*What this task involves*: Whenever "IFCRELDEFINESBYTYPE" appears in a line, please copy that line from the data.
..............................
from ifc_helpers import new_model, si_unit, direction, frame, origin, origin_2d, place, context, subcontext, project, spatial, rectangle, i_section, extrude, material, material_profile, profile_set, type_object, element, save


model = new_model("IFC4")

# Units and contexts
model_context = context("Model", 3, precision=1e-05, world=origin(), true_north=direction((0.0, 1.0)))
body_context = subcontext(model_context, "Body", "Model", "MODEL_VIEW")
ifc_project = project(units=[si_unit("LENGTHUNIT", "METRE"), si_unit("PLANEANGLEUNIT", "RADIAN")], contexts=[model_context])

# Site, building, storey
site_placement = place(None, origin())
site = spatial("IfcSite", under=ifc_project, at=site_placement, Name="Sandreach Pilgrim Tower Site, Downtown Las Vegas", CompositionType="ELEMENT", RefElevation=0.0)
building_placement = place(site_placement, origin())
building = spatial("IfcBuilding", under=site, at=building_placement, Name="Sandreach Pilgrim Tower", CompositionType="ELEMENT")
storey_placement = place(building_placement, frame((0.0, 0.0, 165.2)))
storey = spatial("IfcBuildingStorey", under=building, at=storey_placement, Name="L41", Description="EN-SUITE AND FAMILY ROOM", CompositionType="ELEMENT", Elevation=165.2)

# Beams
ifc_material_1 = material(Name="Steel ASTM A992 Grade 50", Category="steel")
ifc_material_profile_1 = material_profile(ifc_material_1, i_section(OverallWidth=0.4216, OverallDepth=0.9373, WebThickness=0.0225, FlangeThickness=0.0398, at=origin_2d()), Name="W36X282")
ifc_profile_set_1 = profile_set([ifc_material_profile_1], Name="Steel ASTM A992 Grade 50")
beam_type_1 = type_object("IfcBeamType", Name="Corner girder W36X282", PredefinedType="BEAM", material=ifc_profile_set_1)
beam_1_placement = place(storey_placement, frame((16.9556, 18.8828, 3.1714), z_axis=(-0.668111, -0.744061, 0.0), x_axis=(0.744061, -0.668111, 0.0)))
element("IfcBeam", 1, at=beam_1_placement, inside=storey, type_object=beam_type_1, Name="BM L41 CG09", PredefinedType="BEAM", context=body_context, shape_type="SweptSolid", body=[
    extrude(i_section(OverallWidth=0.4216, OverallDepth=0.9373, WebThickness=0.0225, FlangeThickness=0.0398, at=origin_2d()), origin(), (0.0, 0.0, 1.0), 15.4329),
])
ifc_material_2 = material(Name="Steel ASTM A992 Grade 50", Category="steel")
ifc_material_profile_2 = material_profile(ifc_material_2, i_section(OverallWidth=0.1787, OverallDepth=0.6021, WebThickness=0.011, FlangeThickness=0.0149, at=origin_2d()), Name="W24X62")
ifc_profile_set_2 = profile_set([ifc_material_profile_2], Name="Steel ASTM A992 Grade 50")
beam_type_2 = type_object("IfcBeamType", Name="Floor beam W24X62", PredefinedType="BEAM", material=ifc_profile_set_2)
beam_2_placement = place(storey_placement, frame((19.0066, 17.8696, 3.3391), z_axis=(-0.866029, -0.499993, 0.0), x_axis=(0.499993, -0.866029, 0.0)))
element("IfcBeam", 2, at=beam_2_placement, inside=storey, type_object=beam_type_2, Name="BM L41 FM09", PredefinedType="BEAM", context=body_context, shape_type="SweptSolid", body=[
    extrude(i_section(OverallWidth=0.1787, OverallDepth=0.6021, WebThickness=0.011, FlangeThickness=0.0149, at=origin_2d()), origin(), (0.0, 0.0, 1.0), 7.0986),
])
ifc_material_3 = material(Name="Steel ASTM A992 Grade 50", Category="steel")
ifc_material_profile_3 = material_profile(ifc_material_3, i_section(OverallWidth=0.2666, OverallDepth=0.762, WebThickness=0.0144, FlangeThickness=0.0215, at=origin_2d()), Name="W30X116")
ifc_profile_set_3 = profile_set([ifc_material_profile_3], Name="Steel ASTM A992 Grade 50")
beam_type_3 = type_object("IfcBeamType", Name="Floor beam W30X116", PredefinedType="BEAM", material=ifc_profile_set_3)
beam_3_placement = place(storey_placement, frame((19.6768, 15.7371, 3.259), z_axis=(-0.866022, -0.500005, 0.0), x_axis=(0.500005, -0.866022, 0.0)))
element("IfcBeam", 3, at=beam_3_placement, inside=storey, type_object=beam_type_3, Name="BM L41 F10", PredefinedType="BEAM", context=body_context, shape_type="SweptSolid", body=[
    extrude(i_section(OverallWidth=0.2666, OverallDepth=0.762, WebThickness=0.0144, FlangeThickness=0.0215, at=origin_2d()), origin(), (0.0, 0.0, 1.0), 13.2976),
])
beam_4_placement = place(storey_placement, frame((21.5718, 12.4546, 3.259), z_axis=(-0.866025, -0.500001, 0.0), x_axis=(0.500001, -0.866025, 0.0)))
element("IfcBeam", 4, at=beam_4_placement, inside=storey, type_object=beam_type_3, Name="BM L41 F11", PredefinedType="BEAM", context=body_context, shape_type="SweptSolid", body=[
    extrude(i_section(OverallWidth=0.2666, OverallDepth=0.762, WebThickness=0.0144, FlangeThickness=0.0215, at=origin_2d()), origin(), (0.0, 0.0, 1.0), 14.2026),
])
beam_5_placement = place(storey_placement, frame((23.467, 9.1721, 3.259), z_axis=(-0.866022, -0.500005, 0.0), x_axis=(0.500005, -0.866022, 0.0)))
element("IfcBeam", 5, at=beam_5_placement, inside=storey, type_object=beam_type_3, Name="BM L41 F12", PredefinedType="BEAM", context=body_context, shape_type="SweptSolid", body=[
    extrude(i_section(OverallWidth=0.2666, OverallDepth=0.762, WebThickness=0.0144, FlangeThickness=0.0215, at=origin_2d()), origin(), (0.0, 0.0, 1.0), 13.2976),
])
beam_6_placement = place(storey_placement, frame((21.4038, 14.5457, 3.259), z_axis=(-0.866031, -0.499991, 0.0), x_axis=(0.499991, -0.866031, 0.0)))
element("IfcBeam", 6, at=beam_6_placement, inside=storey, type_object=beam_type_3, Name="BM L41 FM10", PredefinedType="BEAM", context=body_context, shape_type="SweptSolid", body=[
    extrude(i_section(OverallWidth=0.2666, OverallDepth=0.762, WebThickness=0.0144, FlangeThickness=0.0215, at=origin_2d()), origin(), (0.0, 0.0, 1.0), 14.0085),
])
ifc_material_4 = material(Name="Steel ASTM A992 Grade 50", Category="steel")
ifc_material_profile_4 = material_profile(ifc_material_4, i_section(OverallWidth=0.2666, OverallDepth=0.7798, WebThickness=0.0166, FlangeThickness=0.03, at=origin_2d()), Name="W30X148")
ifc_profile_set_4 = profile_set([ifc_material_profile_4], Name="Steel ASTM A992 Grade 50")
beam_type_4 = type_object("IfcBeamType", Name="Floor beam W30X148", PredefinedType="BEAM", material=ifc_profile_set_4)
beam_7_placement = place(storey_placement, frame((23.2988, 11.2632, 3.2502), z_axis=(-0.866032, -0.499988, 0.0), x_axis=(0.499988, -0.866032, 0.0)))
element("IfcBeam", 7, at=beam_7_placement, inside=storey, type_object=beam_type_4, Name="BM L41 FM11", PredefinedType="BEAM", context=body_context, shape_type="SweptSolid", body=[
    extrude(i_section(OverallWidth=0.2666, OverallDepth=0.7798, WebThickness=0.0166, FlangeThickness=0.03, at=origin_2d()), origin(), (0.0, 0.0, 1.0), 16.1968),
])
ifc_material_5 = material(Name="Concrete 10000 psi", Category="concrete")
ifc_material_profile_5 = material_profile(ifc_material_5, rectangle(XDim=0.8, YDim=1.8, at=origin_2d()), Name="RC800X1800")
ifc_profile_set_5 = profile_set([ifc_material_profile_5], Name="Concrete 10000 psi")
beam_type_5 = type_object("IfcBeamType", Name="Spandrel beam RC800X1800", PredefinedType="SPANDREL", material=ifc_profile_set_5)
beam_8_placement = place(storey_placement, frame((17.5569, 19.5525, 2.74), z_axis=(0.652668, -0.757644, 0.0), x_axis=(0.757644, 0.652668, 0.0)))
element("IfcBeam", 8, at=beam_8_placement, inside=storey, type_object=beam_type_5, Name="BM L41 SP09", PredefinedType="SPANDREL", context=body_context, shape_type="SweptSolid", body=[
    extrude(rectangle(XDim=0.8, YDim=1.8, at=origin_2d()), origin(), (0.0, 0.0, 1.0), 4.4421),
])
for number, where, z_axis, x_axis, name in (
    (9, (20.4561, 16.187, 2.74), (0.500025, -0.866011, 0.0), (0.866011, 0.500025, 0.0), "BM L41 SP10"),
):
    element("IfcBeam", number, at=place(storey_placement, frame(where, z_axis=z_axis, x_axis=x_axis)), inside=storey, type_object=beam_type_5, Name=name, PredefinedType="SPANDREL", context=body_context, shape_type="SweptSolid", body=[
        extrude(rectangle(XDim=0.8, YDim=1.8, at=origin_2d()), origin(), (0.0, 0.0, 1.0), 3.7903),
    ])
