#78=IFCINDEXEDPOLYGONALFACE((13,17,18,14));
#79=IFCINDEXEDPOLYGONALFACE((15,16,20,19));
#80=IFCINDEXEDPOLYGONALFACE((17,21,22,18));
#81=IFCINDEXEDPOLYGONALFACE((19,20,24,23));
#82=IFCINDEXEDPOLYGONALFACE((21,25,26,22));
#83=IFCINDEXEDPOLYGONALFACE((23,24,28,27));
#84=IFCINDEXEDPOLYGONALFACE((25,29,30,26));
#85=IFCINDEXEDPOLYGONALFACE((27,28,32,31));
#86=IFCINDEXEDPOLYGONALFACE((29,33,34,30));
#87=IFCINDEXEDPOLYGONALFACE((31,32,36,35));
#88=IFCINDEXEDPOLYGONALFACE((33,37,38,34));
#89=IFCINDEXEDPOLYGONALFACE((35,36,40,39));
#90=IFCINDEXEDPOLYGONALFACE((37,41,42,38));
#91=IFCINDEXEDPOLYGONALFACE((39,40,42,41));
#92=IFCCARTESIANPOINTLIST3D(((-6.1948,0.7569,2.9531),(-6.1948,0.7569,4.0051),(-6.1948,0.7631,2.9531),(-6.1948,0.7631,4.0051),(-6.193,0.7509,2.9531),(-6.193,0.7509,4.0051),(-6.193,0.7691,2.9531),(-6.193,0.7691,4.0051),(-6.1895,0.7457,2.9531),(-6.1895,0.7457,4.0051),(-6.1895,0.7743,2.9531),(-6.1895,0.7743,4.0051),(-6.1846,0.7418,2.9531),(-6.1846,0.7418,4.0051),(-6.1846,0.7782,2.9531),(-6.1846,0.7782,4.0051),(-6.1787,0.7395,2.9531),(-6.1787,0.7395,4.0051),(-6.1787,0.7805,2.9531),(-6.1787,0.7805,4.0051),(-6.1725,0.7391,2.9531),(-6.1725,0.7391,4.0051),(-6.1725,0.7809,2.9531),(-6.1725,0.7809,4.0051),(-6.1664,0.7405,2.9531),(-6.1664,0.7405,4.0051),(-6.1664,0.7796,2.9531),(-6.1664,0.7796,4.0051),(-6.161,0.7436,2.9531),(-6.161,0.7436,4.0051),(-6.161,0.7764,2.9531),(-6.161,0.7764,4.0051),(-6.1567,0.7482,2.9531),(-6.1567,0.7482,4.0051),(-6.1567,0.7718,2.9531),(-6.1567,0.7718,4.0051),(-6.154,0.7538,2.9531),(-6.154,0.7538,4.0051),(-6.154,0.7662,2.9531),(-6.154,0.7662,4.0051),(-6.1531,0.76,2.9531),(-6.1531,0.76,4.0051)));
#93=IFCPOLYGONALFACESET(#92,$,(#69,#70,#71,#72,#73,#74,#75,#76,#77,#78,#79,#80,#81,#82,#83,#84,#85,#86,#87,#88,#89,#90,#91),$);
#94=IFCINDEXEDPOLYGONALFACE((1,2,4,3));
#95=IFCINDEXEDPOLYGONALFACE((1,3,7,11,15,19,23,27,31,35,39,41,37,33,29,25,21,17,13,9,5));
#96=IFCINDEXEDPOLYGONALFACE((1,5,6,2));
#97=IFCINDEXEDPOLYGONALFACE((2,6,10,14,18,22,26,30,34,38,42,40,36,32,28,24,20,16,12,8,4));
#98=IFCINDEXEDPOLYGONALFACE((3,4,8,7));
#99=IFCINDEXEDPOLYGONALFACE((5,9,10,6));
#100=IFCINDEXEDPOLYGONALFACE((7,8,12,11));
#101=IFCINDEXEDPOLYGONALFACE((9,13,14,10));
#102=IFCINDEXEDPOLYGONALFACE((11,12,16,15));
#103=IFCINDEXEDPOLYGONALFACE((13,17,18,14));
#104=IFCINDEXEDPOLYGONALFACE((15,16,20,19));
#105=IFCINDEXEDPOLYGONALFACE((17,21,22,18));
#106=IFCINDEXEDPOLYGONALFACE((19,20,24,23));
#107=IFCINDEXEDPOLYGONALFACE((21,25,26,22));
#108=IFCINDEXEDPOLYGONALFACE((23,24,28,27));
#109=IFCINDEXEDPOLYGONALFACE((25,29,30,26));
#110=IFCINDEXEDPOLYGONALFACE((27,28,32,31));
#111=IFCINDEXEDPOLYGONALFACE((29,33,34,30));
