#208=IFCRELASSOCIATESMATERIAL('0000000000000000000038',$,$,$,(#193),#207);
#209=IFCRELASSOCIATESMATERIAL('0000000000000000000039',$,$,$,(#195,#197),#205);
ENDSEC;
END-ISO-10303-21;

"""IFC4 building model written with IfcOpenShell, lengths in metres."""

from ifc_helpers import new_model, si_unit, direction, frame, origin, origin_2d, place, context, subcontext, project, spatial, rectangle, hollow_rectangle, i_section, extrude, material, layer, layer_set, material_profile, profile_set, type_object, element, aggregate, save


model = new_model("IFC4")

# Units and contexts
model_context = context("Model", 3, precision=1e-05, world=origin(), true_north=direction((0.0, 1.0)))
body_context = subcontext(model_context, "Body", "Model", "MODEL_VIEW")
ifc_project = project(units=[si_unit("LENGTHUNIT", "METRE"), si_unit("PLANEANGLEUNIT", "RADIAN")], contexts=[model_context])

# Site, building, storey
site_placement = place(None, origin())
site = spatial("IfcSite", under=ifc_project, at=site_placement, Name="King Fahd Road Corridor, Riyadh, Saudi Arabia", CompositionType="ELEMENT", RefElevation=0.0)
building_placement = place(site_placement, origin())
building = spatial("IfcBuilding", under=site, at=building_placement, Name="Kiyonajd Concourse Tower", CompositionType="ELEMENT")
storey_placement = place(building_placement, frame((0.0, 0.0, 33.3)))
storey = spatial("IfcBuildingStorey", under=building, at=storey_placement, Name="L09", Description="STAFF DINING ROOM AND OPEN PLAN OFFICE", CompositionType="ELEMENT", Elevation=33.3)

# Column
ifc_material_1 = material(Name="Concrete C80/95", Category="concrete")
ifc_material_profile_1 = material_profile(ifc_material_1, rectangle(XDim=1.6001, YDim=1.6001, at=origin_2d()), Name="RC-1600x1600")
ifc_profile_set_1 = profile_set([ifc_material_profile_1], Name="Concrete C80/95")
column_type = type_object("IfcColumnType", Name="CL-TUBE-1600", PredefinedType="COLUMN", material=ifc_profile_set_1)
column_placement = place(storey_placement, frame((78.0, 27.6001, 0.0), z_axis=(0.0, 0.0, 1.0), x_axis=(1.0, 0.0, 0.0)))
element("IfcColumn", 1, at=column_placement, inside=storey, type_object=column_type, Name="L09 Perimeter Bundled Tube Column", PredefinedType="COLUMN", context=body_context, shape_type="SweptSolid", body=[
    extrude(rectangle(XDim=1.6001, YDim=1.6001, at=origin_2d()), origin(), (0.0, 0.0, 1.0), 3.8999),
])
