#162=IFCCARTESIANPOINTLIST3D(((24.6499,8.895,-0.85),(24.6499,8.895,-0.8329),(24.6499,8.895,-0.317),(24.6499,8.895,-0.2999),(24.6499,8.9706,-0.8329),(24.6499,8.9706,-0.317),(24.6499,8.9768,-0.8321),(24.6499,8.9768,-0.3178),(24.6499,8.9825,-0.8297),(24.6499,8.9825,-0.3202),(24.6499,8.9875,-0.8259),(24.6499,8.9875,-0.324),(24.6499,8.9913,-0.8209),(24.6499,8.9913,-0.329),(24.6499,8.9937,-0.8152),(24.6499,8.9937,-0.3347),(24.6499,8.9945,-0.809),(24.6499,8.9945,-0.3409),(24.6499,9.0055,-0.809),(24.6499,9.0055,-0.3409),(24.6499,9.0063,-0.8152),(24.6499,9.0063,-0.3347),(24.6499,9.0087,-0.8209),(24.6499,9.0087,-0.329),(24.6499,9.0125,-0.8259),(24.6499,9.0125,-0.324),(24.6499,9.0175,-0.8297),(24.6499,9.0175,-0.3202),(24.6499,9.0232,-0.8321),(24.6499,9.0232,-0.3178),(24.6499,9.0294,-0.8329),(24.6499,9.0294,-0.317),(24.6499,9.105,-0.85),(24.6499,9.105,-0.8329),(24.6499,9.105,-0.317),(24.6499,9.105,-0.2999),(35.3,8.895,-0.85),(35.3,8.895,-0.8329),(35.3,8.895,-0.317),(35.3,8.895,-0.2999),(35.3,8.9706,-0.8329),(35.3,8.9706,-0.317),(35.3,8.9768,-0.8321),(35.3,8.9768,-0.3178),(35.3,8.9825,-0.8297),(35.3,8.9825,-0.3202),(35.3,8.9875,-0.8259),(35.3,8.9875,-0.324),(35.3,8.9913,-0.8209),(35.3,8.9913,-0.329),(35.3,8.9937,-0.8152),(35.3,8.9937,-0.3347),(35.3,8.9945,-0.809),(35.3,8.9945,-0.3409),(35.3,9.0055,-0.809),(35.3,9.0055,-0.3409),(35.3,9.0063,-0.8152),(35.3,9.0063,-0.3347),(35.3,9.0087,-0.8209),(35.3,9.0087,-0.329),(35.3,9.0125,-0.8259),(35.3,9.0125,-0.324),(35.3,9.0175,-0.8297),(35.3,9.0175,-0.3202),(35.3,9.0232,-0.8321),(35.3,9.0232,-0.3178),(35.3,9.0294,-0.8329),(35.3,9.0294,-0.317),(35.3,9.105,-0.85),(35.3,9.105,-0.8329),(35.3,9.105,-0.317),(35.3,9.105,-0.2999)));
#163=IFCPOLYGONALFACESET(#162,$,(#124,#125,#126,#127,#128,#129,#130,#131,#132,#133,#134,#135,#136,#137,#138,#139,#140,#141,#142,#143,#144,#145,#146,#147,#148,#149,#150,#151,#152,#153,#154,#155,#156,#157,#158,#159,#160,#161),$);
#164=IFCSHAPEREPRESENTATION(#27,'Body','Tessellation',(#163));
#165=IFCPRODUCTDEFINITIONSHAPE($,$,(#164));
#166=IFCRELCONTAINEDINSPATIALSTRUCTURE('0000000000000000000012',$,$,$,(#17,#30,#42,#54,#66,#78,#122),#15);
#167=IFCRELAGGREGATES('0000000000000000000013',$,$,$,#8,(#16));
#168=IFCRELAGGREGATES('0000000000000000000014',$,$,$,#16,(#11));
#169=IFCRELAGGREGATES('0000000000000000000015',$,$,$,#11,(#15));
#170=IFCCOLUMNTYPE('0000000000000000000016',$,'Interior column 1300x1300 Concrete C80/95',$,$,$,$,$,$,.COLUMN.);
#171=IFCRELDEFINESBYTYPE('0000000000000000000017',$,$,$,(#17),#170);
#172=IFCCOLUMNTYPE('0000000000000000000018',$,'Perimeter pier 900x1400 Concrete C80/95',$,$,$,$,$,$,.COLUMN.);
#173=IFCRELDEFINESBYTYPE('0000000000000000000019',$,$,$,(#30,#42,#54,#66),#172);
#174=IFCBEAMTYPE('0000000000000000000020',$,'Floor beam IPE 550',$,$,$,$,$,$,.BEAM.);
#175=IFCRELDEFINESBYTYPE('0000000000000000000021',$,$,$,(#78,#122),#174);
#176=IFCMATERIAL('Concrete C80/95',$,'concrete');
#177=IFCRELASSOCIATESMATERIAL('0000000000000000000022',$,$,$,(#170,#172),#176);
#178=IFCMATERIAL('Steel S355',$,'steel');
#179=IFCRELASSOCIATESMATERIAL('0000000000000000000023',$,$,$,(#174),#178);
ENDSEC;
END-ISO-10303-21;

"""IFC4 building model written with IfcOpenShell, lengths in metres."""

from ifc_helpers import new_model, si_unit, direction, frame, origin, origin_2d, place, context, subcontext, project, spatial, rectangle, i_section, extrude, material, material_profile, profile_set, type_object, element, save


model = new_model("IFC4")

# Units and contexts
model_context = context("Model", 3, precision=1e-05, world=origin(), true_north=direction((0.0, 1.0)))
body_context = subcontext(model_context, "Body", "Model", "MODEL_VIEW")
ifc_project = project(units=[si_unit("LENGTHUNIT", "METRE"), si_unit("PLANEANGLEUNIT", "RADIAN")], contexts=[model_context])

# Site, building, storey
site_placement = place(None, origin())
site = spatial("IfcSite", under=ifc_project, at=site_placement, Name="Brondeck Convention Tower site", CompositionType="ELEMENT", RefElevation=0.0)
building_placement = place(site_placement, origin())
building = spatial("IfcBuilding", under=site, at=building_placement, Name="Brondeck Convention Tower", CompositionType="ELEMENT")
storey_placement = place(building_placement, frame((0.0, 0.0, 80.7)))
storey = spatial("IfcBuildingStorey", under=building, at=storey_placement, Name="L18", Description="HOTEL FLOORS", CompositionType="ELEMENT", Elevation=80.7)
..............................
*Finished task*:
#171=IFCRELDEFINESBYTYPE('0000000000000000000017',$,$,$,(#17),#170);
#173=IFCRELDEFINESBYTYPE('0000000000000000000019',$,$,$,(#30,#42,#54,#66),#172);
#175=IFCRELDEFINESBYTYPE('0000000000000000000021',$,$,$,(#78,#122),#174);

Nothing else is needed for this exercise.